Instructions to follow: Only the lines of the data below from the one with "#33=IFCLOCALPLACEMENT(#14,#2);" through the one with "#46=IFCINDEXEDPOLYGONALFACE((1,2,4,3));" are wanted. Repeat them exactly.

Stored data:
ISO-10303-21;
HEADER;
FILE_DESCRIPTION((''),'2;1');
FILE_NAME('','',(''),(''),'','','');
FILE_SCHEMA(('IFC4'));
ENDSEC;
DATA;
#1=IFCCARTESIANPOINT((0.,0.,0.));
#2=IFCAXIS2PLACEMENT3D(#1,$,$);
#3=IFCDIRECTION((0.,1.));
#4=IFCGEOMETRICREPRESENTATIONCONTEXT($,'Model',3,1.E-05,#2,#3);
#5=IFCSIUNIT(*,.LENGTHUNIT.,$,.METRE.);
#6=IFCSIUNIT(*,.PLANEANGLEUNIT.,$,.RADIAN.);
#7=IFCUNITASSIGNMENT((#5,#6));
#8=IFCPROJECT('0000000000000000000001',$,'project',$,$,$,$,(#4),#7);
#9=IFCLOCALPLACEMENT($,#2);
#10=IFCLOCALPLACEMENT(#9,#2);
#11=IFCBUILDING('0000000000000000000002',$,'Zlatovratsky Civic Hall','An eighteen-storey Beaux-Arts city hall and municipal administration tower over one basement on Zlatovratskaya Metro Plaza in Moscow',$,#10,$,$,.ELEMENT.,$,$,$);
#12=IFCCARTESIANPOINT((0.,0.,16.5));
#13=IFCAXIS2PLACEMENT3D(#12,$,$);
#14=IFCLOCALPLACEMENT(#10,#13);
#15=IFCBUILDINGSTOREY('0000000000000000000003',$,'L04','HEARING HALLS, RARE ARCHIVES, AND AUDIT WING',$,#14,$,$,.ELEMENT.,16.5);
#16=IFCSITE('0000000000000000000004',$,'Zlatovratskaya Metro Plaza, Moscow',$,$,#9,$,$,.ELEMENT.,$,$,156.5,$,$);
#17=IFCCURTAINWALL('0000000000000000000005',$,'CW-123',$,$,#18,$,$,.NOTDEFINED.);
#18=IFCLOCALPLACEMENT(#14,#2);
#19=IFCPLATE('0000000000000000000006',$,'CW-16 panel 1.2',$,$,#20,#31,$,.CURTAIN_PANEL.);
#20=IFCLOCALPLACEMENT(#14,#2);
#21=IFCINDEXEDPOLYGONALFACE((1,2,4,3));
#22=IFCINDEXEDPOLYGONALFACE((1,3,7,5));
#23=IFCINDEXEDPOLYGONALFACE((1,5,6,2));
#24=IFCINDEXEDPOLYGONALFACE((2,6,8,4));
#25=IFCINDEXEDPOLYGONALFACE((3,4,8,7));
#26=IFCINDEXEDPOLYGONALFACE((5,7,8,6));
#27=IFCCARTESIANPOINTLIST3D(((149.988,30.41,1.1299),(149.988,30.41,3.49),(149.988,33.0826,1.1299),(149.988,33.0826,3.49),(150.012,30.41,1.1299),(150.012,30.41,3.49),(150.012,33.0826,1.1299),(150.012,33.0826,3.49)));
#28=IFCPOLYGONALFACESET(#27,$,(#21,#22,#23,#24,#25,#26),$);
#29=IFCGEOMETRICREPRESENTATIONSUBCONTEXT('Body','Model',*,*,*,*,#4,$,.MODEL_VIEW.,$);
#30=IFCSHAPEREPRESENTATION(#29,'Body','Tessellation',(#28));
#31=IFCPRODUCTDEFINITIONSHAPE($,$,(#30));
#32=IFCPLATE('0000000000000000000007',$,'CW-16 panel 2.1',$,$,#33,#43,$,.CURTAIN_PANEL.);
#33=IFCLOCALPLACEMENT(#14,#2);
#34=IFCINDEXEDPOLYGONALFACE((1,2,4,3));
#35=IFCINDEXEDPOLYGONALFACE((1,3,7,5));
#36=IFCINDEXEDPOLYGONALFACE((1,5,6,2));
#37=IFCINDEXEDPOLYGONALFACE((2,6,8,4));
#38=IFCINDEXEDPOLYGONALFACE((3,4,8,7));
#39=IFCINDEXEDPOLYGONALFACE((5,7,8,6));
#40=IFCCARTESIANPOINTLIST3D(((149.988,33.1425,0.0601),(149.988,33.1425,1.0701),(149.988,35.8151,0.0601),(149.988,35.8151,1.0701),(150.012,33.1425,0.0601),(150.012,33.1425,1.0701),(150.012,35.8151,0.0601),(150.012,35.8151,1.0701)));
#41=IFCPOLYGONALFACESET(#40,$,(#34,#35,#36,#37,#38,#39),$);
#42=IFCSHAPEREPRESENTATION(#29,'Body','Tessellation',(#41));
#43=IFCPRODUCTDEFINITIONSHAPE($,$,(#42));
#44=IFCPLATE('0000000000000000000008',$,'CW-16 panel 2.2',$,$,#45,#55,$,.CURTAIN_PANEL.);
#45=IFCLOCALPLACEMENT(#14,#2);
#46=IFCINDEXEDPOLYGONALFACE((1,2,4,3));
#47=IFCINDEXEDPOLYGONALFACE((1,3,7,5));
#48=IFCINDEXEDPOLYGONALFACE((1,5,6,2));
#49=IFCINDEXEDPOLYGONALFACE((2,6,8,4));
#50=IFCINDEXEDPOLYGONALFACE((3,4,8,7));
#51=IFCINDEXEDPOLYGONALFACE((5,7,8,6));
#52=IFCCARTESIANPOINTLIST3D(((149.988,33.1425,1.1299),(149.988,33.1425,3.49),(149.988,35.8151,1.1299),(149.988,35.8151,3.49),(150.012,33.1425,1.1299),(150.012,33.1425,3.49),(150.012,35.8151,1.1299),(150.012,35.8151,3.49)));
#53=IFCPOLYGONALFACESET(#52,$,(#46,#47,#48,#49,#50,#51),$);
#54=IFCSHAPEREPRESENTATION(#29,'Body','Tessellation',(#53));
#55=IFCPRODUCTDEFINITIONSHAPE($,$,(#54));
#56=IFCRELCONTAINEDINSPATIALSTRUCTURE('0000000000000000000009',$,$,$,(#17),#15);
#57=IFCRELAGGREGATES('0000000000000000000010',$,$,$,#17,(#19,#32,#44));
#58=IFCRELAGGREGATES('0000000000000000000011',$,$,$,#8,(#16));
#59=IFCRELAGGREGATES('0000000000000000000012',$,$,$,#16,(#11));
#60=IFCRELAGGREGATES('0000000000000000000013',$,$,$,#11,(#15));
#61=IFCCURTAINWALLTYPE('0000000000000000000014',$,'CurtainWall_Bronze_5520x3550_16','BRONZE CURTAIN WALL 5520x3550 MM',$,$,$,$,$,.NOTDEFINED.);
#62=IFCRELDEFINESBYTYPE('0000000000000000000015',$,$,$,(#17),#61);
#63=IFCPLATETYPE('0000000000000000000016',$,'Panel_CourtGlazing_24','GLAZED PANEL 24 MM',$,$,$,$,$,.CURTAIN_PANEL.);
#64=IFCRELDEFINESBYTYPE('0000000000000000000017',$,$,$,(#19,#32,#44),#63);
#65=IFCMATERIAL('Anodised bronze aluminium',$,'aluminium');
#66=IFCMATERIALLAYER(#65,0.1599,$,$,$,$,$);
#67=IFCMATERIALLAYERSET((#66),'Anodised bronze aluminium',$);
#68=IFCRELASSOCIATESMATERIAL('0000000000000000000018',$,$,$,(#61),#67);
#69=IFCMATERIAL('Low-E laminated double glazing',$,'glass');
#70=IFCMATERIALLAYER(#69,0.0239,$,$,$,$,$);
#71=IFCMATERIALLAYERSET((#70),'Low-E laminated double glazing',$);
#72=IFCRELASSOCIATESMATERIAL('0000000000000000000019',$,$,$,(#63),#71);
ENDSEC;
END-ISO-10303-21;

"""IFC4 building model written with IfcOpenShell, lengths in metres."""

from ifc_helpers import new_model, si_unit, direction, frame, origin, origin_2d, place, context, subcontext, project, spatial, rectangle, extrude, material, layer, layer_set, type_object, element, aggregate, save


model = new_model("IFC4")

# Units and contexts
model_context = context("Model", 3, precision=1e-05, world=origin(), true_north=direction((0.0, 1.0)))
body_context = subcontext(model_context, "Body", "Model", "MODEL_VIEW")
ifc_project = project(units=[si_unit("LENGTHUNIT", "METRE"), si_unit("PLANEANGLEUNIT", "RADIAN")], contexts=[model_context])

# Site, building, storey
site_placement = place(None, origin())
site = spatial("IfcSite", under=ifc_project, at=site_placement, Name="Zlatovratskaya Metro Plaza, Moscow", CompositionType="ELEMENT", RefElevation=156.5)
building_placement = place(site_placement, origin())
building = spatial("IfcBuilding", under=site, at=building_placement, Name="Zlatovratsky Civic Hall", Description="An eighteen-storey Beaux-Arts city hall and municipal administration tower over one basement on Zlatovratskaya Metro Plaza in Moscow", CompositionType="ELEMENT")
storey_placement = place(building_placement, frame((0.0, 0.0, 16.5)))
storey = spatial("IfcBuildingStorey", under=building, at=storey_placement, Name="L04", Description="HEARING HALLS, RARE ARCHIVES, AND AUDIT WING", CompositionType="ELEMENT", Elevation=16.5)

# Shared definitions
ifc_material_1 = material(Name="Anodised bronze aluminium", Category="aluminium")

# Curtain wall
ifc_layer_1 = layer(ifc_material_1, 0.1599)
ifc_layer_set_1 = layer_set([ifc_layer_1], Name="Anodised bronze aluminium")
curtain_wall_type_1 = type_object("IfcCurtainWallType", Name="CurtainWall_Bronze_5520x3550_16", Description="BRONZE CURTAIN WALL 5520x3550 MM", PredefinedType="NOTDEFINED", material=ifc_layer_set_1)
curtain_wall_1_placement = place(storey_placement, origin())
curtain_wall_1 = element("IfcCurtainWall", 1, at=curtain_wall_1_placement, inside=storey, type_object=curtain_wall_type_1, Name="CW-123", PredefinedType="NOTDEFINED")

# Plates
ifc_material_2 = material(Name="Low-E laminated double glazing", Category="glass")
ifc_layer_2 = layer(ifc_material_2, 0.0239)
ifc_layer_set_2 = layer_set([ifc_layer_2], Name="Low-E laminated double glazing")
plate_type = type_object("IfcPlateType", Name="Panel_CourtGlazing_24", Description="GLAZED PANEL 24 MM", PredefinedType="CURTAIN_PANEL", material=ifc_layer_set_2)
plate_1_placement = place(storey_placement, frame((150.0, 31.7463, 1.1299), z_axis=(0.0, 0.0, 1.0), x_axis=(0.0, 1.0, 0.0)))
plate_1 = element("IfcPlate", 2, at=plate_1_placement, type_object=plate_type, Name="CW-16 panel 1.2", PredefinedType="CURTAIN_PANEL", context=body_context, shape_type="SweptSolid", body=[
    extrude(rectangle(XDim=2.6726, YDim=0.0239, at=origin_2d()), origin(), (0.0, 0.0, 1.0), 2.3601),
])
plate_2_placement = place(storey_placement, frame((150.0, 34.4788, 0.0601), z_axis=(0.0, 0.0, 1.0), x_axis=(0.0, 1.0, 0.0)))
plate_2 = element("IfcPlate", 3, at=plate_2_placement, type_object=plate_type, Name="CW-16 panel 2.1", PredefinedType="CURTAIN_PANEL", context=body_context, shape_type="SweptSolid", body=[
    extrude(rectangle(XDim=2.6726, YDim=0.0239, at=origin_2d()), origin(), (0.0, 0.0, 1.0), 1.01),
])
plate_3_placement = place(storey_placement, frame((150.0, 34.4788, 1.1299), z_axis=(0.0, 0.0, 1.0), x_axis=(0.0, 1.0, 0.0)))
plate_3 = element("IfcPlate", 4, at=plate_3_placement, type_object=plate_type, Name="CW-16 panel 2.2", PredefinedType="CURTAIN_PANEL", context=body_context, shape_type="SweptSolid", body=[
    extrude(rectangle(XDim=2.6726, YDim=0.0239, at=origin_2d()), origin(), (0.0, 0.0, 1.0), 2.3601),
])
aggregate(curtain_wall_1, [plate_1, plate_2, plate_3])

save(model, "model.ifc")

Expected output:
#33=IFCLOCALPLACEMENT(#14,#2);
#34=IFCINDEXEDPOLYGONALFACE((1,2,4,3));
#35=IFCINDEXEDPOLYGONALFACE((1,3,7,5));
#36=IFCINDEXEDPOLYGONALFACE((1,5,6,2));
#37=IFCINDEXEDPOLYGONALFACE((2,6,8,4));
#38=IFCINDEXEDPOLYGONALFACE((3,4,8,7));
#39=IFCINDEXEDPOLYGONALFACE((5,7,8,6));
#40=IFCCARTESIANPOINTLIST3D(((149.988,33.1425,0.0601),(149.988,33.1425,1.0701),(149.988,35.8151,0.0601),(149.988,35.8151,1.0701),(150.012,33.1425,0.0601),(150.012,33.1425,1.0701),(150.012,35.8151,0.0601),(150.012,35.8151,1.0701)));
#41=IFCPOLYGONALFACESET(#40,$,(#34,#35,#36,#37,#38,#39),$);
#42=IFCSHAPEREPRESENTATION(#29,'Body','Tessellation',(#41));
#43=IFCPRODUCTDEFINITIONSHAPE($,$,(#42));
#44=IFCPLATE('0000000000000000000008',$,'CW-16 panel 2.2',$,$,#45,#55,$,.CURTAIN_PANEL.);
#45=IFCLOCALPLACEMENT(#14,#2);
#46=IFCINDEXEDPOLYGONALFACE((1,2,4,3));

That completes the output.